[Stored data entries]
____
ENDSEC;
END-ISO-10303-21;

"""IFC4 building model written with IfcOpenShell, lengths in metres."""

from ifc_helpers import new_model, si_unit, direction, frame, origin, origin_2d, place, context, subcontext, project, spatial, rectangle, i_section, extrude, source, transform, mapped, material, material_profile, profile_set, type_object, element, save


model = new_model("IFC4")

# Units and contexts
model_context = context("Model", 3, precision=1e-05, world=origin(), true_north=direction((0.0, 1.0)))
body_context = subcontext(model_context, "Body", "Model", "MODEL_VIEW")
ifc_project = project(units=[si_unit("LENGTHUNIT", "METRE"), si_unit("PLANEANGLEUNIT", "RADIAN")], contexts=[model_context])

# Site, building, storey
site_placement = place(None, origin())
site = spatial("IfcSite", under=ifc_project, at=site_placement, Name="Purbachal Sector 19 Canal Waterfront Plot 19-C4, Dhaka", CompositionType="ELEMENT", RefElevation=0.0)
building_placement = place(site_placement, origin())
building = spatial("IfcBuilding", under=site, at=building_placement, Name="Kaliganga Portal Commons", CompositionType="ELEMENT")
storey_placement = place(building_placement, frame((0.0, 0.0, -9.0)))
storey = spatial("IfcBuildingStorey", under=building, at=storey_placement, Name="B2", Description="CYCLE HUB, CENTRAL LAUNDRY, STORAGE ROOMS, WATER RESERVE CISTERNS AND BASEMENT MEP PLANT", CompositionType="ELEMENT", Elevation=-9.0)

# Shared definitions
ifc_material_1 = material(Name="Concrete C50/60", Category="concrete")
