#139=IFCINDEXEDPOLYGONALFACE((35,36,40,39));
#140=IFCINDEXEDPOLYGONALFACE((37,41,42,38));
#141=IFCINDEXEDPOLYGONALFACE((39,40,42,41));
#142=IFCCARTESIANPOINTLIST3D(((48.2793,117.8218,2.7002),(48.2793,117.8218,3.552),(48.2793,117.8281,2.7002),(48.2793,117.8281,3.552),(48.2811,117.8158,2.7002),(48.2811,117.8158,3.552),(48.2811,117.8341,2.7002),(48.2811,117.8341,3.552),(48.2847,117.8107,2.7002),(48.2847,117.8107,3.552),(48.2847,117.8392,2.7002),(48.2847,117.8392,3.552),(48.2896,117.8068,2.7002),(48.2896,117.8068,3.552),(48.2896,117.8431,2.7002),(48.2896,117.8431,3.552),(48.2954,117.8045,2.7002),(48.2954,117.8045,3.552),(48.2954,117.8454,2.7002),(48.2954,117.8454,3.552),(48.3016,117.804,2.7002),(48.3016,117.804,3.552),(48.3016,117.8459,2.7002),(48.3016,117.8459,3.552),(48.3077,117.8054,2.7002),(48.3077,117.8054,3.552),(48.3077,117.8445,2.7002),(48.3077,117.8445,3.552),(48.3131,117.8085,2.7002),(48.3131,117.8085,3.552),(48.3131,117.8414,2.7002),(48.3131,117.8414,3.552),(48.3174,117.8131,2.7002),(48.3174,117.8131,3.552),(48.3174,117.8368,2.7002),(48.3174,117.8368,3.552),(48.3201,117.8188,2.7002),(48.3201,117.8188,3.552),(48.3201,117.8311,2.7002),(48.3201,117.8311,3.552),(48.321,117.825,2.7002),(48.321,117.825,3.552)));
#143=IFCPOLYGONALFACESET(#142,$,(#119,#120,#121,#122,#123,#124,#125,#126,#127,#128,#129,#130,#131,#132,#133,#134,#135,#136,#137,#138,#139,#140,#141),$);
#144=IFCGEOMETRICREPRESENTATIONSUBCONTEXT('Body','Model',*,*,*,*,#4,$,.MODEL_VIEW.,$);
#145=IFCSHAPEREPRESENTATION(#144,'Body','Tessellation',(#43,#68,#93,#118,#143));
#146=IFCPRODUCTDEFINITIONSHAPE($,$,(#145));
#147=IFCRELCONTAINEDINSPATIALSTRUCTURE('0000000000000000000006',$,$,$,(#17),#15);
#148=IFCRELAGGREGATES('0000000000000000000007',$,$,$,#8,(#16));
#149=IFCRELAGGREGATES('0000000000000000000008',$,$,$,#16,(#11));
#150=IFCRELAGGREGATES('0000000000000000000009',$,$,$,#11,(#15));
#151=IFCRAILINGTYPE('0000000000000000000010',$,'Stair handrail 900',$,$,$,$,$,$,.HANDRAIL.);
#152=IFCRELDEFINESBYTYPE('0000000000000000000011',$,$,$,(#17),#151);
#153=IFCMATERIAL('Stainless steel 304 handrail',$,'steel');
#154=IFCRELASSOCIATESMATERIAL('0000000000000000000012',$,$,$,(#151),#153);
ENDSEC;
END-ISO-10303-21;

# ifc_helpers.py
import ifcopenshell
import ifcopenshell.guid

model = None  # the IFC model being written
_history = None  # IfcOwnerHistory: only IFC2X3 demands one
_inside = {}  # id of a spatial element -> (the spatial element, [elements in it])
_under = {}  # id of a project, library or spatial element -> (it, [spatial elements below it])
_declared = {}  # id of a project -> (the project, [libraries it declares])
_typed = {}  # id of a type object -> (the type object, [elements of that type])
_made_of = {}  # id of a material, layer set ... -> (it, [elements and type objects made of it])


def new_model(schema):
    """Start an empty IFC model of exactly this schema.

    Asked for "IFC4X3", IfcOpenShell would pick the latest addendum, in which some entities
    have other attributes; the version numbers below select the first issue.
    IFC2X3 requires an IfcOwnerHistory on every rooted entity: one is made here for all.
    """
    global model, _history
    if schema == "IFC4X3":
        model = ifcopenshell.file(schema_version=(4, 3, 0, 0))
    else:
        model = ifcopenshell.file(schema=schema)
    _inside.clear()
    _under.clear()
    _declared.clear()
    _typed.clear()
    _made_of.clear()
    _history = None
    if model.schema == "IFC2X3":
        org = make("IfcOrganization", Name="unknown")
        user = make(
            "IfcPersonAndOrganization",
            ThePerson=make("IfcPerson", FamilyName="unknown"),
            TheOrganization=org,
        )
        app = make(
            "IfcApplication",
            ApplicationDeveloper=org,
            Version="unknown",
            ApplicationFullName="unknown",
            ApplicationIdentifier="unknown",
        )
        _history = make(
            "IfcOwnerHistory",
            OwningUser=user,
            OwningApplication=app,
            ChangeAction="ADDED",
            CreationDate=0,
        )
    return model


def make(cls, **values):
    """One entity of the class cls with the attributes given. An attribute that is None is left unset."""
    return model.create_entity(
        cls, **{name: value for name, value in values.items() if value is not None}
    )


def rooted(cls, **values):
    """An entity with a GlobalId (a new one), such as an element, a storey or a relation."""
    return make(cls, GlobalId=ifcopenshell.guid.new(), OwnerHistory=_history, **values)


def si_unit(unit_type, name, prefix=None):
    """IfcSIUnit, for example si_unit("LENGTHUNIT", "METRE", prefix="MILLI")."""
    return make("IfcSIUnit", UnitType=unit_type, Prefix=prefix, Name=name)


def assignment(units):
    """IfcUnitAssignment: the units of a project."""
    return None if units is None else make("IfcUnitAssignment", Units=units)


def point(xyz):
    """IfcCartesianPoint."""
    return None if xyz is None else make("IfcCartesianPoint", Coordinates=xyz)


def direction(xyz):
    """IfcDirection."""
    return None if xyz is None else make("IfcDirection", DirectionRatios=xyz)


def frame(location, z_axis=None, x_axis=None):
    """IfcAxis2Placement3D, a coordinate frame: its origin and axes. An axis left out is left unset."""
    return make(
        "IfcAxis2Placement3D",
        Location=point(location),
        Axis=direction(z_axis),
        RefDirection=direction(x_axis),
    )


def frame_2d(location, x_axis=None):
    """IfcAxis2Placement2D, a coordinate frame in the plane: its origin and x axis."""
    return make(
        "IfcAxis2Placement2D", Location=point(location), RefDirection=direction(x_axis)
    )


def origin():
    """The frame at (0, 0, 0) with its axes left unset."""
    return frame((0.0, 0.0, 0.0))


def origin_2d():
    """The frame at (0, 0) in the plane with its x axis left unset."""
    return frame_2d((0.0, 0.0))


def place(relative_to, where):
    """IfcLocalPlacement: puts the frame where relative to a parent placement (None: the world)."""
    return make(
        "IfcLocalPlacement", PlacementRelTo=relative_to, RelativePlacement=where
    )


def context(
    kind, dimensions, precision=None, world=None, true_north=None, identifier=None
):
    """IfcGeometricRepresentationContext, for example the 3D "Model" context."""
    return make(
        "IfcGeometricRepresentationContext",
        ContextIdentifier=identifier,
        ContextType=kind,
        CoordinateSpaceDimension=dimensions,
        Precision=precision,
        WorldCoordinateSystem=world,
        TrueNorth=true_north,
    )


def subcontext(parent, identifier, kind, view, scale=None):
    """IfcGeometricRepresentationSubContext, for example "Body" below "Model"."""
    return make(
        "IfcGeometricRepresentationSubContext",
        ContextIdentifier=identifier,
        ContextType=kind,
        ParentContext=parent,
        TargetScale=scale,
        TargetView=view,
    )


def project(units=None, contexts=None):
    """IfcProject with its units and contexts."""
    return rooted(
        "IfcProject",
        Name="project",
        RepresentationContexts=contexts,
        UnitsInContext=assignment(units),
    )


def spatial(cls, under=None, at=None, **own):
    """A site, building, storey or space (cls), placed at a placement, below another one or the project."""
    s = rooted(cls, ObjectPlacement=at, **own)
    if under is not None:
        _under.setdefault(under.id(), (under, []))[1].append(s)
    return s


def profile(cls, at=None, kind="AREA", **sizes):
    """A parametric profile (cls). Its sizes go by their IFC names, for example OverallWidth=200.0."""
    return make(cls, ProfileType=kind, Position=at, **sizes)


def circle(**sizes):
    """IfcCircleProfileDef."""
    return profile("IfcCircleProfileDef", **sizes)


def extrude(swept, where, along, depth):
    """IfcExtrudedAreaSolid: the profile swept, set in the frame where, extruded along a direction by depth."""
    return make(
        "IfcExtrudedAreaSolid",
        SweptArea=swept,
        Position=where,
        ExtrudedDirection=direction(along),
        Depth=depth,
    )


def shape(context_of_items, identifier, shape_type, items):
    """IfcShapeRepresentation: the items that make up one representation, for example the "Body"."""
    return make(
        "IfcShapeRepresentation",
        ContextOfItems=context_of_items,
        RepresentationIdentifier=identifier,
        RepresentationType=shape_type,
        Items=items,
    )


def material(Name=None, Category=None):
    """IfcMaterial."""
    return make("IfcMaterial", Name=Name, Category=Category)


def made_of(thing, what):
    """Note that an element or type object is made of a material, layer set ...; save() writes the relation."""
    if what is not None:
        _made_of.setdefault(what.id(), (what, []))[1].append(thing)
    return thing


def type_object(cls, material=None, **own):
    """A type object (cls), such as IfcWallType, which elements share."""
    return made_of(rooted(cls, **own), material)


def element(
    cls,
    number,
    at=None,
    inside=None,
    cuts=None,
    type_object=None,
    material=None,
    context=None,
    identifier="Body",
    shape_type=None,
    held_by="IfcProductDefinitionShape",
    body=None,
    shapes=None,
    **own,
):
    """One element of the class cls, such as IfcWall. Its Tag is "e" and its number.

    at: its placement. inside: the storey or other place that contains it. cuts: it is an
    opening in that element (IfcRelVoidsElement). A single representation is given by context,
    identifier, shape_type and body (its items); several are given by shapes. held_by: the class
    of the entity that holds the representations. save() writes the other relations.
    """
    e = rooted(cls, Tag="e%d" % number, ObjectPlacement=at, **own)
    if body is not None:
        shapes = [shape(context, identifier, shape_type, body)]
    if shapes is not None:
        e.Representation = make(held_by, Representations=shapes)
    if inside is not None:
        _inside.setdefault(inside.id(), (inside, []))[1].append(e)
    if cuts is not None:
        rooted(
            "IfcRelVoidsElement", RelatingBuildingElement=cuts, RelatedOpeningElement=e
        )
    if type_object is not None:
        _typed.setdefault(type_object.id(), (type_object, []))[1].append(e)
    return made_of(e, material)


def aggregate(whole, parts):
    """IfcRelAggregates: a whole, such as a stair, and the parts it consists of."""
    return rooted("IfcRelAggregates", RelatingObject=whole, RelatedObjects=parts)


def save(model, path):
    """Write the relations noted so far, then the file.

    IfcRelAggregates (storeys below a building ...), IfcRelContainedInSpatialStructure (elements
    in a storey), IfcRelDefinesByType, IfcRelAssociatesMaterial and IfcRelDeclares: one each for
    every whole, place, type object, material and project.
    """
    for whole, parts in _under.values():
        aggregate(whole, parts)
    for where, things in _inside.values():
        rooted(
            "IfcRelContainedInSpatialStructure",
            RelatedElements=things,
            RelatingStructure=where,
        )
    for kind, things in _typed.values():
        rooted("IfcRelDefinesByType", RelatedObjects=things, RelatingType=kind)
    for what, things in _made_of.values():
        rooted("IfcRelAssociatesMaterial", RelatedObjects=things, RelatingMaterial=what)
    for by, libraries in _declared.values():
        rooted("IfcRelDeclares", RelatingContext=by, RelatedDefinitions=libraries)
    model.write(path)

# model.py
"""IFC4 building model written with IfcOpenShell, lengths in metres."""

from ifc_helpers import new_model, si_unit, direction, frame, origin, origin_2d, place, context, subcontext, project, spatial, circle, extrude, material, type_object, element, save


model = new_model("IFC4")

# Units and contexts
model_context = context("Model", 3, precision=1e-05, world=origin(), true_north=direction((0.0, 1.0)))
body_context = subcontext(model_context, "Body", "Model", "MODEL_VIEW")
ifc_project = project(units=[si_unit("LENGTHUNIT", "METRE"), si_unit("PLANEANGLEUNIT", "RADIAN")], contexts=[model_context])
____
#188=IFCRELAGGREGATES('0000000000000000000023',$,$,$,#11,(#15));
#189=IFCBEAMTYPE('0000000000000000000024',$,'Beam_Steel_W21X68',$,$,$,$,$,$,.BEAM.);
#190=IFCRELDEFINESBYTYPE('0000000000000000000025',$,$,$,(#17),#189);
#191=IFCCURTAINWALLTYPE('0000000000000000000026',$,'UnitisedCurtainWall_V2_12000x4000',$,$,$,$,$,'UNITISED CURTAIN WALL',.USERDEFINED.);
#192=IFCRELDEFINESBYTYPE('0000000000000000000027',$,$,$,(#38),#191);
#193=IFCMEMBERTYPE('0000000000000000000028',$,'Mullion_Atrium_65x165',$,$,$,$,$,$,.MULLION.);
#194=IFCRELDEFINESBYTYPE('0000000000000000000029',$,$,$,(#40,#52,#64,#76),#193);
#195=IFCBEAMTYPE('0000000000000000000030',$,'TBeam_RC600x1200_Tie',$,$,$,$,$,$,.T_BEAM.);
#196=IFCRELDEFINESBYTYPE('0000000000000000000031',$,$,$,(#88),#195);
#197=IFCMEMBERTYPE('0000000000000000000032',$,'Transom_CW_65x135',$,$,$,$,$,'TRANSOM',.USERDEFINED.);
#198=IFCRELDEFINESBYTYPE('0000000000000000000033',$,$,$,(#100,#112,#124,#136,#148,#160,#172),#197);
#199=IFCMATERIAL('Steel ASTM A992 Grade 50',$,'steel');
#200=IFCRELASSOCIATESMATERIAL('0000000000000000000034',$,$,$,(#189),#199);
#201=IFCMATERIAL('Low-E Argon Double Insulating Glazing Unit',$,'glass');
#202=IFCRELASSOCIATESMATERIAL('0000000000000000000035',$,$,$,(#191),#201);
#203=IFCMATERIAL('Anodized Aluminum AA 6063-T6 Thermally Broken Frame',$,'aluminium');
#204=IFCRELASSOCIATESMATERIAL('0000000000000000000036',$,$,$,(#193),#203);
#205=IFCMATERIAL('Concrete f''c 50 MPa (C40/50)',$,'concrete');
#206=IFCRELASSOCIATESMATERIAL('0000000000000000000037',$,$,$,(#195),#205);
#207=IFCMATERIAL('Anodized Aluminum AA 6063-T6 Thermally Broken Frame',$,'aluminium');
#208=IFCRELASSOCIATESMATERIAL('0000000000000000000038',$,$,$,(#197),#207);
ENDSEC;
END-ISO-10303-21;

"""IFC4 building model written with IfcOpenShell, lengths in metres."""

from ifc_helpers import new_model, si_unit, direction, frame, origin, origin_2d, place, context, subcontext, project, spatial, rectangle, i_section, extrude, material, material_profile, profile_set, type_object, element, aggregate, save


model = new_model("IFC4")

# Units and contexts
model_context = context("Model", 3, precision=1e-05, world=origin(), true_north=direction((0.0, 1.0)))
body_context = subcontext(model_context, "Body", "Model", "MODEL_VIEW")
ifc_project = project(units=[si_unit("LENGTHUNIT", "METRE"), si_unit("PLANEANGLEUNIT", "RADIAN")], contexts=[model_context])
____
**What is needed**
Every line that contains "save" should be copied out of the data.

**The answer**
from ifc_helpers import new_model, si_unit, direction, frame, origin, origin_2d, place, context, subcontext, project, spatial, rectangle, i_section, extrude, source, transform, mapped, material, material_profile, profile_set, type_object, element, save
    """Note that an element or type object is made of a material, layer set ...; save() writes the relation."""
    of the entity that holds the representations. save() writes the other relations.
def save(model, path):
from ifc_helpers import new_model, si_unit, direction, frame, origin, origin_2d, place, context, subcontext, project, spatial, circle, extrude, material, type_object, element, save
from ifc_helpers import new_model, si_unit, direction, frame, origin, origin_2d, place, context, subcontext, project, spatial, rectangle, i_section, extrude, material, material_profile, profile_set, type_object, element, aggregate, save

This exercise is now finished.